## What this task involves
From the line below that contains "#174=IFCMATERIAL('Timber',$,'wood');" to the line that contains "building_placement = place(site_placement, origin())", repeat every line exactly, both ends included, and nothing else.

[Saved data entries]
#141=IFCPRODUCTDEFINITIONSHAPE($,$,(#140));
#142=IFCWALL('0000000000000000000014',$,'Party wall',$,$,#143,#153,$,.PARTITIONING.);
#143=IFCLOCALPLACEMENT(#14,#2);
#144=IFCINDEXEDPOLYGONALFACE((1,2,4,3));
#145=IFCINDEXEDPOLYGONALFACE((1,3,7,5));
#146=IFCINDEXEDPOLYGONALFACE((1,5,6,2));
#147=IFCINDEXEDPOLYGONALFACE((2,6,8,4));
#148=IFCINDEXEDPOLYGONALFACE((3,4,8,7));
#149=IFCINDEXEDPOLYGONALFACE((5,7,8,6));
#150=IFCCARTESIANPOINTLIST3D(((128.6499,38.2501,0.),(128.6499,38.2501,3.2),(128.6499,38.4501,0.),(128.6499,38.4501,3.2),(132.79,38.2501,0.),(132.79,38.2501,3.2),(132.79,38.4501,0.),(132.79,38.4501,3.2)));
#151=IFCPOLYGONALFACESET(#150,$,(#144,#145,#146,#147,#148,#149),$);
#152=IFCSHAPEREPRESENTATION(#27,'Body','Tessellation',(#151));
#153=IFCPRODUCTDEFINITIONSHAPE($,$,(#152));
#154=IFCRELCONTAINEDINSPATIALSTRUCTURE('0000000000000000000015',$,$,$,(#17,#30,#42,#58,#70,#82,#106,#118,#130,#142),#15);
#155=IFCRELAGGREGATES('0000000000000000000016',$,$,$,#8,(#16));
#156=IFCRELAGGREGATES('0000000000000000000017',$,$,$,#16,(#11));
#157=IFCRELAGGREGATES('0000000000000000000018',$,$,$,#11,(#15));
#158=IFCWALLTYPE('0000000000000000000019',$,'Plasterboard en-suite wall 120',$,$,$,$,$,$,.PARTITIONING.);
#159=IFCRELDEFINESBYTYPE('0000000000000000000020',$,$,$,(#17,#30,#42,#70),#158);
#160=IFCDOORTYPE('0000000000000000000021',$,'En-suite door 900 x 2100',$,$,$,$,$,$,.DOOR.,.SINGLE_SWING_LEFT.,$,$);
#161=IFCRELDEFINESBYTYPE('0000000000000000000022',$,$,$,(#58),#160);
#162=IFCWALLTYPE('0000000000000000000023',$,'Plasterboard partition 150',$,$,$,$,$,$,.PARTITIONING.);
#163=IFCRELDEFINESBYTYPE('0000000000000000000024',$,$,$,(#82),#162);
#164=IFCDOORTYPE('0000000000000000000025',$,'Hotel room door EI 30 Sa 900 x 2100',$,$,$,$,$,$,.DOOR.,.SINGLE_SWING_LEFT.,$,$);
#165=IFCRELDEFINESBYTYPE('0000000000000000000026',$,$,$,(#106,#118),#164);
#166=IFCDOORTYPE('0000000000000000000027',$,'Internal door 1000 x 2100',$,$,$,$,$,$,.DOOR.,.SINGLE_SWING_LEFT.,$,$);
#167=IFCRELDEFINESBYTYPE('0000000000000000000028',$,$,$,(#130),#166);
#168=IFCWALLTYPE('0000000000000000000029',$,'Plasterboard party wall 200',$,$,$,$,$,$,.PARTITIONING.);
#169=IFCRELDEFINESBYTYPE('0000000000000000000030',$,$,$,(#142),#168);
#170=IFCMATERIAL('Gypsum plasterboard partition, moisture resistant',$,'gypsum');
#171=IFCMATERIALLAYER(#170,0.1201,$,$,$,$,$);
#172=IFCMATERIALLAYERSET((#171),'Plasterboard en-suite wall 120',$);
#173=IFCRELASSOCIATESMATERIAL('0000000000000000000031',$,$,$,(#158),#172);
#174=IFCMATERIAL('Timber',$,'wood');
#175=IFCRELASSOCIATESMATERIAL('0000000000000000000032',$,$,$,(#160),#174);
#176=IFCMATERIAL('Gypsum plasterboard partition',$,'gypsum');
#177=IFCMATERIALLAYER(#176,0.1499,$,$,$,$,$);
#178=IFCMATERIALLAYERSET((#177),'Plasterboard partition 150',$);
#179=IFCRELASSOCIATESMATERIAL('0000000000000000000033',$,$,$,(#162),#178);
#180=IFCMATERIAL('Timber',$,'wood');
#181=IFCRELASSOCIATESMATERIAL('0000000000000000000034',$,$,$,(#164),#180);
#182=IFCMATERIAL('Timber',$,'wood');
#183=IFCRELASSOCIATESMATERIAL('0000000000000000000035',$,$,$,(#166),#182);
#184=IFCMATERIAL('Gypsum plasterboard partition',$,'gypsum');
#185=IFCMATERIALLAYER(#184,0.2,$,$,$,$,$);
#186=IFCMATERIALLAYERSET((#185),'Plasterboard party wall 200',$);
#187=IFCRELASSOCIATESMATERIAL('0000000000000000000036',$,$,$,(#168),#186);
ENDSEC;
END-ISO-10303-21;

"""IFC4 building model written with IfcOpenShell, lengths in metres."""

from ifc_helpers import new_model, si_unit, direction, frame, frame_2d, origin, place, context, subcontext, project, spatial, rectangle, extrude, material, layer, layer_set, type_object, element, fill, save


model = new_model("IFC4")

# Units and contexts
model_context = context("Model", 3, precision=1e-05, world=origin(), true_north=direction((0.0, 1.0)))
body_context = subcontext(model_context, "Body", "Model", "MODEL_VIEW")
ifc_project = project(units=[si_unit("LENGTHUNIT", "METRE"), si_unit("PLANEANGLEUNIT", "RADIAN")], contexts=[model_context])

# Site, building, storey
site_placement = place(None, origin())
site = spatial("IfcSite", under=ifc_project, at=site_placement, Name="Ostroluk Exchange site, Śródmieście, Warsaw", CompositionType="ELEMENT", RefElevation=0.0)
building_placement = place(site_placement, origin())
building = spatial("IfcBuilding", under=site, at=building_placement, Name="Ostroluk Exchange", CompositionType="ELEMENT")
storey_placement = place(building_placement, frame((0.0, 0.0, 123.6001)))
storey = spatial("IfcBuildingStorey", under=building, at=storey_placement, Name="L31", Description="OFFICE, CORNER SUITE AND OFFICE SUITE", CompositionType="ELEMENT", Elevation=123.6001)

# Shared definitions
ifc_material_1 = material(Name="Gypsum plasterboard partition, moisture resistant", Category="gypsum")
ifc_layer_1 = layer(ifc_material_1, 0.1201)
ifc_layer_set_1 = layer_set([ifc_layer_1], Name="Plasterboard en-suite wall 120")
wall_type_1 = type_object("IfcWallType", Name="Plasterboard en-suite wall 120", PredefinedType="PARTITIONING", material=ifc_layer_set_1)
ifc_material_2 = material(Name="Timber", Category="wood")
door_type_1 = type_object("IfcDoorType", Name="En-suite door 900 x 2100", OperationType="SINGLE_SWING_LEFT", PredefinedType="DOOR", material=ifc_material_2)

## Response for this exercise
#174=IFCMATERIAL('Timber',$,'wood');
#175=IFCRELASSOCIATESMATERIAL('0000000000000000000032',$,$,$,(#160),#174);
#176=IFCMATERIAL('Gypsum plasterboard partition',$,'gypsum');
#177=IFCMATERIALLAYER(#176,0.1499,$,$,$,$,$);
#178=IFCMATERIALLAYERSET((#177),'Plasterboard partition 150',$);
#179=IFCRELASSOCIATESMATERIAL('0000000000000000000033',$,$,$,(#162),#178);
#180=IFCMATERIAL('Timber',$,'wood');
#181=IFCRELASSOCIATESMATERIAL('0000000000000000000034',$,$,$,(#164),#180);
#182=IFCMATERIAL('Timber',$,'wood');
#183=IFCRELASSOCIATESMATERIAL('0000000000000000000035',$,$,$,(#166),#182);
#184=IFCMATERIAL('Gypsum plasterboard partition',$,'gypsum');
#185=IFCMATERIALLAYER(#184,0.2,$,$,$,$,$);
#186=IFCMATERIALLAYERSET((#185),'Plasterboard party wall 200',$);
#187=IFCRELASSOCIATESMATERIAL('0000000000000000000036',$,$,$,(#168),#186);
ENDSEC;
END-ISO-10303-21;

"""IFC4 building model written with IfcOpenShell, lengths in metres."""

from ifc_helpers import new_model, si_unit, direction, frame, frame_2d, origin, place, context, subcontext, project, spatial, rectangle, extrude, material, layer, layer_set, type_object, element, fill, save


model = new_model("IFC4")

# Units and contexts
model_context = context("Model", 3, precision=1e-05, world=origin(), true_north=direction((0.0, 1.0)))
body_context = subcontext(model_context, "Body", "Model", "MODEL_VIEW")
ifc_project = project(units=[si_unit("LENGTHUNIT", "METRE"), si_unit("PLANEANGLEUNIT", "RADIAN")], contexts=[model_context])

# Site, building, storey
site_placement = place(None, origin())
site = spatial("IfcSite", under=ifc_project, at=site_placement, Name="Ostroluk Exchange site, Śródmieście, Warsaw", CompositionType="ELEMENT", RefElevation=0.0)
building_placement = place(site_placement, origin())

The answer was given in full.